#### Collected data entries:

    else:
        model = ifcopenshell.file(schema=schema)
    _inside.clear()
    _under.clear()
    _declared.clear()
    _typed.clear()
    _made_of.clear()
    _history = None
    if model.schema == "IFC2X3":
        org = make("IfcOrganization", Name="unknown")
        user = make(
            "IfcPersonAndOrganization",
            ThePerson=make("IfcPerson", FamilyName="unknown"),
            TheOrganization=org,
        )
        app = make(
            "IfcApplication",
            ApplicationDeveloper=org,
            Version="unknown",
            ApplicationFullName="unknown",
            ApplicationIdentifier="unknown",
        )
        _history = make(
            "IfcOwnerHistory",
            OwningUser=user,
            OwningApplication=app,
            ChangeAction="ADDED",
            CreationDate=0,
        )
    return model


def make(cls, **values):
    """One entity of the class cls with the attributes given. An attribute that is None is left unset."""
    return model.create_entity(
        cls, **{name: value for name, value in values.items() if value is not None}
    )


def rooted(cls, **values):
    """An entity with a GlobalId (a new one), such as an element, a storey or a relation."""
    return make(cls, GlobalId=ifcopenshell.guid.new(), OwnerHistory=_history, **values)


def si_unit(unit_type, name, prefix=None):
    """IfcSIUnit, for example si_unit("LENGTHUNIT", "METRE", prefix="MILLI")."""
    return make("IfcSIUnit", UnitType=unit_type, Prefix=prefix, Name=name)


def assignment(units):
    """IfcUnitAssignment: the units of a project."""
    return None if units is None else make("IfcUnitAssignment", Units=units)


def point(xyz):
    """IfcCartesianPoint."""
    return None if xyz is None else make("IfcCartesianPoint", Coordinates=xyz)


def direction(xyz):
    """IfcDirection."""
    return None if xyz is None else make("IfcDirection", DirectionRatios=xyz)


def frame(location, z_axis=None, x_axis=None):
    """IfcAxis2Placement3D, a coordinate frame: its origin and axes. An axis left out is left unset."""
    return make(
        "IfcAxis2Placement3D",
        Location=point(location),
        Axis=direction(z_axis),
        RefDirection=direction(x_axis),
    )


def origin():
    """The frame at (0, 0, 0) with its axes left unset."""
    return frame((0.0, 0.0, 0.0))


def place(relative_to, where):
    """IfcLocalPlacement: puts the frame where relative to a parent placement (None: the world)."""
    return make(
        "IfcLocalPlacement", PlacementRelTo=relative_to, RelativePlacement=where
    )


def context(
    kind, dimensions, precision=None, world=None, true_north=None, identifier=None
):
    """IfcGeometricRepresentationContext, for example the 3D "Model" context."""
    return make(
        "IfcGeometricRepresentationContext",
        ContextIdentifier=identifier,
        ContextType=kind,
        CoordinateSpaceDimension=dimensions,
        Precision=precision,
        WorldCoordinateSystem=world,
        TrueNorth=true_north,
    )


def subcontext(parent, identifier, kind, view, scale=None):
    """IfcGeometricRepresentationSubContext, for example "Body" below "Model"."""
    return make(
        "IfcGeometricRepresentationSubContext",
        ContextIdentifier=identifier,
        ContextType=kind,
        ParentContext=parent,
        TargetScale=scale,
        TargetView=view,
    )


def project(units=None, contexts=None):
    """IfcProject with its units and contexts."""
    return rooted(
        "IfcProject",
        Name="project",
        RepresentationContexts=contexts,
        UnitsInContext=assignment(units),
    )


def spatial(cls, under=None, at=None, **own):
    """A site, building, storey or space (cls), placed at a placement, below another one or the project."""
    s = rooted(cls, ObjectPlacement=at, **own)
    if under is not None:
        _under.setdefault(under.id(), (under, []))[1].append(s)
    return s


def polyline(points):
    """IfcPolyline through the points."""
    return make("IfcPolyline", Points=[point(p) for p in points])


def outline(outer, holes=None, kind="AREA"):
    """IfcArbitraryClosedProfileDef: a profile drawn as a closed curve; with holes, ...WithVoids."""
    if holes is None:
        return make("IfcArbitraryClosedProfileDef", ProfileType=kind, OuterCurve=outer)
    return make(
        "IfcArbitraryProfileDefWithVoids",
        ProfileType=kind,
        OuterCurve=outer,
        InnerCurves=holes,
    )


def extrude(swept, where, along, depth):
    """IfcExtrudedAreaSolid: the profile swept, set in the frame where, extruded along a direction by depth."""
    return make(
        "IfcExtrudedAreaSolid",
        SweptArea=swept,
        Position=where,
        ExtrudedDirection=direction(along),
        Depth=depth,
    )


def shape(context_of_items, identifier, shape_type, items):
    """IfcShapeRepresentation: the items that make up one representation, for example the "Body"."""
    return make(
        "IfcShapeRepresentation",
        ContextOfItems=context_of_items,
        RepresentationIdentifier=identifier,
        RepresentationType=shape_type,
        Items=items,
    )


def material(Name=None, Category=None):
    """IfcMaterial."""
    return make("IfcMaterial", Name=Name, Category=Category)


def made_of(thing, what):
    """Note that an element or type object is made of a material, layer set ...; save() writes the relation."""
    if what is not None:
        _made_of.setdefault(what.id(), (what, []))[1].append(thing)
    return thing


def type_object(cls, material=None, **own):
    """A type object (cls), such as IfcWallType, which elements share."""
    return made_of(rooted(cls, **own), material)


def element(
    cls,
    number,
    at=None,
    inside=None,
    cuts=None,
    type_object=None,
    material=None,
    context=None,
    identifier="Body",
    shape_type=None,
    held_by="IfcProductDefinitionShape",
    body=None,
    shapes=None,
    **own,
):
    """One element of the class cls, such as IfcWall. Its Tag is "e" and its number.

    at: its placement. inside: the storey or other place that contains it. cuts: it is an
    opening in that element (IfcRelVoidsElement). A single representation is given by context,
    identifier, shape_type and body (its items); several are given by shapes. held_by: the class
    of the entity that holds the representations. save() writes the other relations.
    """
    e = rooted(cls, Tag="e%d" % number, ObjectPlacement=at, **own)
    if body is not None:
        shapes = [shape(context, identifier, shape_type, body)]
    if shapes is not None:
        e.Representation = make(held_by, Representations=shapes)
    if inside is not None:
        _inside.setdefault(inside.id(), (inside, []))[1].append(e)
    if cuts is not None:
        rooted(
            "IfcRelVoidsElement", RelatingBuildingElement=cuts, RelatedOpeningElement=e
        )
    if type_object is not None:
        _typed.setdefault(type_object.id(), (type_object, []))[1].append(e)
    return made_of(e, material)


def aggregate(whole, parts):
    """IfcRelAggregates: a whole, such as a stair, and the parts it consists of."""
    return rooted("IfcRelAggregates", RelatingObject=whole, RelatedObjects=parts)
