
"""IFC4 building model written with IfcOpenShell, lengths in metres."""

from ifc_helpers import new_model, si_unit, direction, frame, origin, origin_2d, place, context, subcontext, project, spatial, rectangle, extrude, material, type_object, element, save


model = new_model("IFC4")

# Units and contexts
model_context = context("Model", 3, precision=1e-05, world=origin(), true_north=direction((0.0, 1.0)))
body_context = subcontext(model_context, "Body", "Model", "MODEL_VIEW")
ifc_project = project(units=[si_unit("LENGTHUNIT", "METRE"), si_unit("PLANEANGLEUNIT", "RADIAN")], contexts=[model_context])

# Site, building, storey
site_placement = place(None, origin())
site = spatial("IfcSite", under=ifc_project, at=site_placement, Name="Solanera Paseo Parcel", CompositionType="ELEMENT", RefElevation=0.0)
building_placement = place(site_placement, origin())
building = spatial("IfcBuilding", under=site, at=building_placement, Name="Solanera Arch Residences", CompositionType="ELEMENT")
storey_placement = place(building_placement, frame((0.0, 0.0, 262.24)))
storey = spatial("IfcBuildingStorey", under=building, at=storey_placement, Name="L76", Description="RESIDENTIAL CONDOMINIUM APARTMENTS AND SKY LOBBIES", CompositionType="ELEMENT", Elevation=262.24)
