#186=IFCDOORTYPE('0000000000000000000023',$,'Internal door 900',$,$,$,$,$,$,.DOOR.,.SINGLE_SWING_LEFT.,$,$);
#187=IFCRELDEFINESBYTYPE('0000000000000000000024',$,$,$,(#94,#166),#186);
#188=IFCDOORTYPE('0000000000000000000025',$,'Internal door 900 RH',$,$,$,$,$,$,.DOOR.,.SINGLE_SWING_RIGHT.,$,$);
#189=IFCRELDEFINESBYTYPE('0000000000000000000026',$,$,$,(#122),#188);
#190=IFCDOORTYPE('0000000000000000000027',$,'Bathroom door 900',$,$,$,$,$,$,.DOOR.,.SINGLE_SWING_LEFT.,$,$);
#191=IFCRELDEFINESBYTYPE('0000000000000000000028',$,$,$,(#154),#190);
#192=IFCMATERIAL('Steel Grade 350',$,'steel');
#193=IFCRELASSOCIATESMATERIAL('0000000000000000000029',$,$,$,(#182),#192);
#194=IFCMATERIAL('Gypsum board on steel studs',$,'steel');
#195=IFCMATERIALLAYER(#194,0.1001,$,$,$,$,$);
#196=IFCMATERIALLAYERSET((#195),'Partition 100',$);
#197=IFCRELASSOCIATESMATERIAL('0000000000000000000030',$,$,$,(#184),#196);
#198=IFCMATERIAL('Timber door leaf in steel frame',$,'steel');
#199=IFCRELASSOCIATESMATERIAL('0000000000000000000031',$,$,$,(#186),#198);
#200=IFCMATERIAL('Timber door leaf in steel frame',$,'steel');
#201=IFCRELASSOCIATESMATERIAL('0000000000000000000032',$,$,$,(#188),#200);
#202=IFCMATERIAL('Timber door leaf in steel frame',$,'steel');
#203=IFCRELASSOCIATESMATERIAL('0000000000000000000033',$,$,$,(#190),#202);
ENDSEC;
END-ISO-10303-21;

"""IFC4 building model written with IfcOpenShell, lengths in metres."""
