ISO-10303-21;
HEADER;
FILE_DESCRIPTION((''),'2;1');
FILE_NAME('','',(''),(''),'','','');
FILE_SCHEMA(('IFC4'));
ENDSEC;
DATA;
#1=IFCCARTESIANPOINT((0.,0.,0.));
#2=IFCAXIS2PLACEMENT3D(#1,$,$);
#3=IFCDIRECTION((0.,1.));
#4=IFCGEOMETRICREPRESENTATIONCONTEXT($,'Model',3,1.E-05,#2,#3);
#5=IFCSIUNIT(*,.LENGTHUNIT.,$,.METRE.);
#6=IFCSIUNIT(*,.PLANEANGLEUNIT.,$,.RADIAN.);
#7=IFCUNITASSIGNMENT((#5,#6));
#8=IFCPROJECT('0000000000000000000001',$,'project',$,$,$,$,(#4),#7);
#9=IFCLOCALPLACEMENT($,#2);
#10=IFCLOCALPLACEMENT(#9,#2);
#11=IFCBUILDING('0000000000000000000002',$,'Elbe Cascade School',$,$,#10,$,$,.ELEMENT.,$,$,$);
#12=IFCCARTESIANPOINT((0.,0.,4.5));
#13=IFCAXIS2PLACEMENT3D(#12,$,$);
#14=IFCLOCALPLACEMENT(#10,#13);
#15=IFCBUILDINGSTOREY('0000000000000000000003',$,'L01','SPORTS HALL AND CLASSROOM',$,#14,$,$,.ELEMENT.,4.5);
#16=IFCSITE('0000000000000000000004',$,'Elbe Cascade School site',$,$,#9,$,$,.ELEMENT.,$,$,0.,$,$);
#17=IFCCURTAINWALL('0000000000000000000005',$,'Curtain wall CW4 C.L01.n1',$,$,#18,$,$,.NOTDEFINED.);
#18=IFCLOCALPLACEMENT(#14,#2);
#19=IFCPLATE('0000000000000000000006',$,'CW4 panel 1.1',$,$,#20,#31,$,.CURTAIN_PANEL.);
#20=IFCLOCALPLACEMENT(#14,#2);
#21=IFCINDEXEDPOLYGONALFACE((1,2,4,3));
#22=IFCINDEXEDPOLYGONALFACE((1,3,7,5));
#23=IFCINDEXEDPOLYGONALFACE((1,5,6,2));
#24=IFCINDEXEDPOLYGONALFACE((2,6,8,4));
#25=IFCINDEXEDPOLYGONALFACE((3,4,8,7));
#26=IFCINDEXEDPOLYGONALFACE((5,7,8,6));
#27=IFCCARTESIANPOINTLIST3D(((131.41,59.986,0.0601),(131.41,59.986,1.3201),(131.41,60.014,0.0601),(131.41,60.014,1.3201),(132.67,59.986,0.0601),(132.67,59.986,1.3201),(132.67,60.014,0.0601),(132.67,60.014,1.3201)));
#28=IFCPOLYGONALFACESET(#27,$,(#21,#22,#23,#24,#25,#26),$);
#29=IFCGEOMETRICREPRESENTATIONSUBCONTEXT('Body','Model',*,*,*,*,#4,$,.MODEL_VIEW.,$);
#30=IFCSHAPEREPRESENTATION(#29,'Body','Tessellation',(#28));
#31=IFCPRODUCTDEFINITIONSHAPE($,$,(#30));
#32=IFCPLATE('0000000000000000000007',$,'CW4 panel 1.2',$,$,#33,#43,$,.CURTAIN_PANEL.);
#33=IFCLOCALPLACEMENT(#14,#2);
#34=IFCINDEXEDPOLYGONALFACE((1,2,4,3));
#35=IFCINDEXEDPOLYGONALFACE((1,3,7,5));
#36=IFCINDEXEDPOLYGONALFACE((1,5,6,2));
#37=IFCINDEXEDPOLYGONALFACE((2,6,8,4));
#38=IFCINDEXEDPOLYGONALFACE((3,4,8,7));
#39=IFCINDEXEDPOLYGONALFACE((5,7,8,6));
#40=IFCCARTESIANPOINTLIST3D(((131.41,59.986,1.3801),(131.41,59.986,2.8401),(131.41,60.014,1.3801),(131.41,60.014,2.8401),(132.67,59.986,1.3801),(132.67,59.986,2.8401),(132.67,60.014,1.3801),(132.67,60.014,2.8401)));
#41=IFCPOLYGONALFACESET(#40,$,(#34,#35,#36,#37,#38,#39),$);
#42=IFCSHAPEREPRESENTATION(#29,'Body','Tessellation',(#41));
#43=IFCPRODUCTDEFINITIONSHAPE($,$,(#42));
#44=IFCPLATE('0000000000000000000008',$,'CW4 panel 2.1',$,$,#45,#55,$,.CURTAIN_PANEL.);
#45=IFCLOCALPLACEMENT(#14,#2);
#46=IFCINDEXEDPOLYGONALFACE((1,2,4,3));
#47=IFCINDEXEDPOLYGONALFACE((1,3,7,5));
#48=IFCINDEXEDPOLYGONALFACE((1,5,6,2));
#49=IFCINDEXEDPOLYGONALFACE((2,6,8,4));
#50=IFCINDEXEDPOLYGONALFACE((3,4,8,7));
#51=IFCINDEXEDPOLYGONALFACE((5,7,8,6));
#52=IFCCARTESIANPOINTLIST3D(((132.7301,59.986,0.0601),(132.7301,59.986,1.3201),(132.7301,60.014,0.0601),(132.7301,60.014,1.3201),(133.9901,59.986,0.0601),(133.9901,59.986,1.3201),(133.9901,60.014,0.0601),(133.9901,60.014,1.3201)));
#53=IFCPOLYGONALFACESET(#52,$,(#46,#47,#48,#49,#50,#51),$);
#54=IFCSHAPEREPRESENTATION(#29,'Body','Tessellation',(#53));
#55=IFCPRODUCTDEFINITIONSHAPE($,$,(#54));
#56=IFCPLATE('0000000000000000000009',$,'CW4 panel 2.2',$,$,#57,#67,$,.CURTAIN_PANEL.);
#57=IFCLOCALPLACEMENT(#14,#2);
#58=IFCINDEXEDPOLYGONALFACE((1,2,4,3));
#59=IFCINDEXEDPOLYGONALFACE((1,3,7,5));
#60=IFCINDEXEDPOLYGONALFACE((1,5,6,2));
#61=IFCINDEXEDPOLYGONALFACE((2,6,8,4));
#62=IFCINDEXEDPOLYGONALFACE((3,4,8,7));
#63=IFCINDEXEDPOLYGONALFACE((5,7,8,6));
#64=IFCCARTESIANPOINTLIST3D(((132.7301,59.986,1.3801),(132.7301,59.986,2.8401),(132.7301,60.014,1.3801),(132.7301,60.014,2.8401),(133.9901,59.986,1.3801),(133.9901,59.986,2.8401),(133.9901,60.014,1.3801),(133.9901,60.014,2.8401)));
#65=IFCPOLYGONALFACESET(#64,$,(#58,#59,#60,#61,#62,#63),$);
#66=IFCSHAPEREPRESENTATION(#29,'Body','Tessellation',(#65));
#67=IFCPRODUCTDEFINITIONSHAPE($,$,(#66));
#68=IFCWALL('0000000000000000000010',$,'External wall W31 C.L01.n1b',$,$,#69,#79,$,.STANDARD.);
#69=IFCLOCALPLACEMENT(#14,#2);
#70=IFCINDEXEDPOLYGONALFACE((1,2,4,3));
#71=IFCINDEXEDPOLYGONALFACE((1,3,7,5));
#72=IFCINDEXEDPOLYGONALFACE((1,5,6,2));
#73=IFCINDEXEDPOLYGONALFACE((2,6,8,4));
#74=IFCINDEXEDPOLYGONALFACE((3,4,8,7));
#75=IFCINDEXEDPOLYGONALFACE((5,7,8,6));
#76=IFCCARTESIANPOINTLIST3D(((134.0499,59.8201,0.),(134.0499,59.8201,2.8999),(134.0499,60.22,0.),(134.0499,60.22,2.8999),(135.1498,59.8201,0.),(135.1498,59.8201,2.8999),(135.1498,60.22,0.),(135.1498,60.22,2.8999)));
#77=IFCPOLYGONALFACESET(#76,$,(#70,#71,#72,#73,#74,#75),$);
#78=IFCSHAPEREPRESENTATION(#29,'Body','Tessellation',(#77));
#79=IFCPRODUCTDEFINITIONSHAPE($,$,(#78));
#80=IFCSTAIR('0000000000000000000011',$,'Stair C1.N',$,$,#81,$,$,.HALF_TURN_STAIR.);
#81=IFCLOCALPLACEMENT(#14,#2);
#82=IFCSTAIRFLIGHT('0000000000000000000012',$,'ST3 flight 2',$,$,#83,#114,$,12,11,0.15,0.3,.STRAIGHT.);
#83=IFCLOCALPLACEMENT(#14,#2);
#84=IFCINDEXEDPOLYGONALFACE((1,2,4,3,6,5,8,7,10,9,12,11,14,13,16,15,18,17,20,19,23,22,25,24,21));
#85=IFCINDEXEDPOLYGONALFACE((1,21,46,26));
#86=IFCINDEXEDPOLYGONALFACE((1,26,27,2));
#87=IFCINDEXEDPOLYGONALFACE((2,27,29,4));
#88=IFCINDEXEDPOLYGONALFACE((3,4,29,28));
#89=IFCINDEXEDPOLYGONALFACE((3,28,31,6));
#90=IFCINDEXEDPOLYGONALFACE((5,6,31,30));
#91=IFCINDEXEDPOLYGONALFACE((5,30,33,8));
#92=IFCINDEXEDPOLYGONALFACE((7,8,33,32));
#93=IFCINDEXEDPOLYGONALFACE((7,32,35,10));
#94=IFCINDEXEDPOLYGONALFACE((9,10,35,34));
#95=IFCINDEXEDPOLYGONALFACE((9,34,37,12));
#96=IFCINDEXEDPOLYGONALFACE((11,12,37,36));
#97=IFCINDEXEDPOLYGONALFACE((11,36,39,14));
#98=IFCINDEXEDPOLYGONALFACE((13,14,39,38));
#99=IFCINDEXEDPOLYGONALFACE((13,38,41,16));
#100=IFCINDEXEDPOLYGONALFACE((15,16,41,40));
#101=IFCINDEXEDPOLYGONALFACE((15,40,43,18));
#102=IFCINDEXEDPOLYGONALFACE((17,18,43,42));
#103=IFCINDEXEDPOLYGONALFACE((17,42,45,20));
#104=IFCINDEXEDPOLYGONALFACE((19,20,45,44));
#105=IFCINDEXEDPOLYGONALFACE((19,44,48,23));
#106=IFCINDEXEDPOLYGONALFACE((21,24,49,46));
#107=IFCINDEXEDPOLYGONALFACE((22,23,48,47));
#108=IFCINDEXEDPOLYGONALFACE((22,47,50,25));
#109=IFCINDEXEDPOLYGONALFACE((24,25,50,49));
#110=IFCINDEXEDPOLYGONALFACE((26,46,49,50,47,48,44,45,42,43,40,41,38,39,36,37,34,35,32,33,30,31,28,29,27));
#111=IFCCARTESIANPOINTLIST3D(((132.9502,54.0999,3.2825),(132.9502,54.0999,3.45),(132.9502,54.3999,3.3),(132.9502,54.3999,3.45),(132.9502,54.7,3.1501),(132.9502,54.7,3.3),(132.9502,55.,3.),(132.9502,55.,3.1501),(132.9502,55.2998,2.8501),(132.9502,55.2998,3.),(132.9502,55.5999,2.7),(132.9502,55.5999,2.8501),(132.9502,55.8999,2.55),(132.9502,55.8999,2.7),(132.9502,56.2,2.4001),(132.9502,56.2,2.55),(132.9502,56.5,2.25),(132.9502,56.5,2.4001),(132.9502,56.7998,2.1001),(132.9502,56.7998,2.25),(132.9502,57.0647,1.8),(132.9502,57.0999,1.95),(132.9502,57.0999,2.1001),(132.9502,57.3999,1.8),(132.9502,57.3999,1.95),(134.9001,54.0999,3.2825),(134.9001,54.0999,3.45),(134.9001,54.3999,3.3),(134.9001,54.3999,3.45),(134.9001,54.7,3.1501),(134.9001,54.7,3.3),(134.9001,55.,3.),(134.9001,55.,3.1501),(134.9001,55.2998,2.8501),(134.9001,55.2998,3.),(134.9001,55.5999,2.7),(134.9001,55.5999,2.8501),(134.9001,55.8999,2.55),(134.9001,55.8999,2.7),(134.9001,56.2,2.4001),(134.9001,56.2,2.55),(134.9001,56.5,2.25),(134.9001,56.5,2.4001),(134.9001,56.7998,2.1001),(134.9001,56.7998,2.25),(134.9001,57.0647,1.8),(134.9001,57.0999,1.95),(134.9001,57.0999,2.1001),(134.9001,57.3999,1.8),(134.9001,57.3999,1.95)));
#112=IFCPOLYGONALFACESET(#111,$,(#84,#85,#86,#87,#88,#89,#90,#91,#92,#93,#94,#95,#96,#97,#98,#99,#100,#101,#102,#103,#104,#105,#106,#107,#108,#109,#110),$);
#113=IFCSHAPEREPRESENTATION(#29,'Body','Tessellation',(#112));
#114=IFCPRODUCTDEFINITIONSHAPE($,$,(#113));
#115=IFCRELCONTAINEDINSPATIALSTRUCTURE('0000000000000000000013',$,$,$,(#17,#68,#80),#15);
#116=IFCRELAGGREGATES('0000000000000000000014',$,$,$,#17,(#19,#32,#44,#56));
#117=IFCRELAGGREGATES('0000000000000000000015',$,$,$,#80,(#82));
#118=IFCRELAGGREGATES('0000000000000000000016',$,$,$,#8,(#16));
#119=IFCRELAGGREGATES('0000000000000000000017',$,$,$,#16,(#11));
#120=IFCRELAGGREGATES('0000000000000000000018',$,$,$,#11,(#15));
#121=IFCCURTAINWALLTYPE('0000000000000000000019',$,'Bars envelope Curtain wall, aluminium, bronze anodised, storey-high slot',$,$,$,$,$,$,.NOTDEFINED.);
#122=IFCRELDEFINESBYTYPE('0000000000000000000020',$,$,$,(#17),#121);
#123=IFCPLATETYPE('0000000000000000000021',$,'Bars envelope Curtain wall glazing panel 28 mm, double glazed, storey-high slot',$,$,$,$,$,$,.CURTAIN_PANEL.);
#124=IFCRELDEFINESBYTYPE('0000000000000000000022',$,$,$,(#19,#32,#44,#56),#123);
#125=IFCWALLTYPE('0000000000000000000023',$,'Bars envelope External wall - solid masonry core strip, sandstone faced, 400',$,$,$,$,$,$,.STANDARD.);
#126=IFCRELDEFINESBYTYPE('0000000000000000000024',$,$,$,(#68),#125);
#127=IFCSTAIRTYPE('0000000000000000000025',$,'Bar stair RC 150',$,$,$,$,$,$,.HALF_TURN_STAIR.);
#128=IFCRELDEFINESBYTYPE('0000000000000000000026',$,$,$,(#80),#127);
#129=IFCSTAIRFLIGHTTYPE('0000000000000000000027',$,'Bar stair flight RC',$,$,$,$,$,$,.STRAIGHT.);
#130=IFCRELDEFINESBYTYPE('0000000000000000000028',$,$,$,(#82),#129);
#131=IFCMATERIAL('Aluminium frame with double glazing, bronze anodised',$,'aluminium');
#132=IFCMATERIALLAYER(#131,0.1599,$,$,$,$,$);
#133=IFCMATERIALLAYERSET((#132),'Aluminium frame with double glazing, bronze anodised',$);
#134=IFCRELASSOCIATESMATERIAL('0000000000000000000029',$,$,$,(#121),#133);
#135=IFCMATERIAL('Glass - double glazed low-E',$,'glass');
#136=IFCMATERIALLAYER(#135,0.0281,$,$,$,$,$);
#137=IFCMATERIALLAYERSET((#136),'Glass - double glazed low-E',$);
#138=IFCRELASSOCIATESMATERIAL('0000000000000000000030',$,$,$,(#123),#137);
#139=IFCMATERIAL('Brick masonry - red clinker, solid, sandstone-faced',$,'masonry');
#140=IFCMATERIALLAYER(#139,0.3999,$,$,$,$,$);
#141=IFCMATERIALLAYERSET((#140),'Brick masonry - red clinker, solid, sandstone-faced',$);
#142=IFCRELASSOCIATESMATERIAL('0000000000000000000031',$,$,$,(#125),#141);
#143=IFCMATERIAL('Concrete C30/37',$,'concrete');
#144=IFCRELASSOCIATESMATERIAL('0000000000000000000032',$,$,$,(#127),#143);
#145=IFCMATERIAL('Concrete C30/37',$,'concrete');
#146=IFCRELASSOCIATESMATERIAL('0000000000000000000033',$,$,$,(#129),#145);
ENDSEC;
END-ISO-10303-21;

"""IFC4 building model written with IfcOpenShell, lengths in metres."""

from ifc_helpers import new_model, si_unit, direction, frame, frame_2d, origin, origin_2d, place, context, subcontext, project, spatial, polyline, rectangle, outline, extrude, material, layer, layer_set, type_object, element, aggregate, save


model = new_model("IFC4")

# Units and contexts
model_context = context("Model", 3, precision=1e-05, world=origin(), true_north=direction((0.0, 1.0)))
body_context = subcontext(model_context, "Body", "Model", "MODEL_VIEW")
ifc_project = project(units=[si_unit("LENGTHUNIT", "METRE"), si_unit("PLANEANGLEUNIT", "RADIAN")], contexts=[model_context])

# Site, building, storey
site_placement = place(None, origin())
site = spatial("IfcSite", under=ifc_project, at=site_placement, Name="Elbe Cascade School site", CompositionType="ELEMENT", RefElevation=0.0)
building_placement = place(site_placement, origin())
building = spatial("IfcBuilding", under=site, at=building_placement, Name="Elbe Cascade School", CompositionType="ELEMENT")
storey_placement = place(building_placement, frame((0.0, 0.0, 4.5)))
storey = spatial("IfcBuildingStorey", under=building, at=storey_placement, Name="L01", Description="SPORTS HALL AND CLASSROOM", CompositionType="ELEMENT", Elevation=4.5)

#### Directions:
Lines with "setdefault" in the records above: copy every one of them.

#### Your solution:
        _under.setdefault(under.id(), (under, []))[1].append(s)
        _made_of.setdefault(what.id(), (what, []))[1].append(thing)
        _inside.setdefault(inside.id(), (inside, []))[1].append(e)
        _typed.setdefault(type_object.id(), (type_object, []))[1].append(e)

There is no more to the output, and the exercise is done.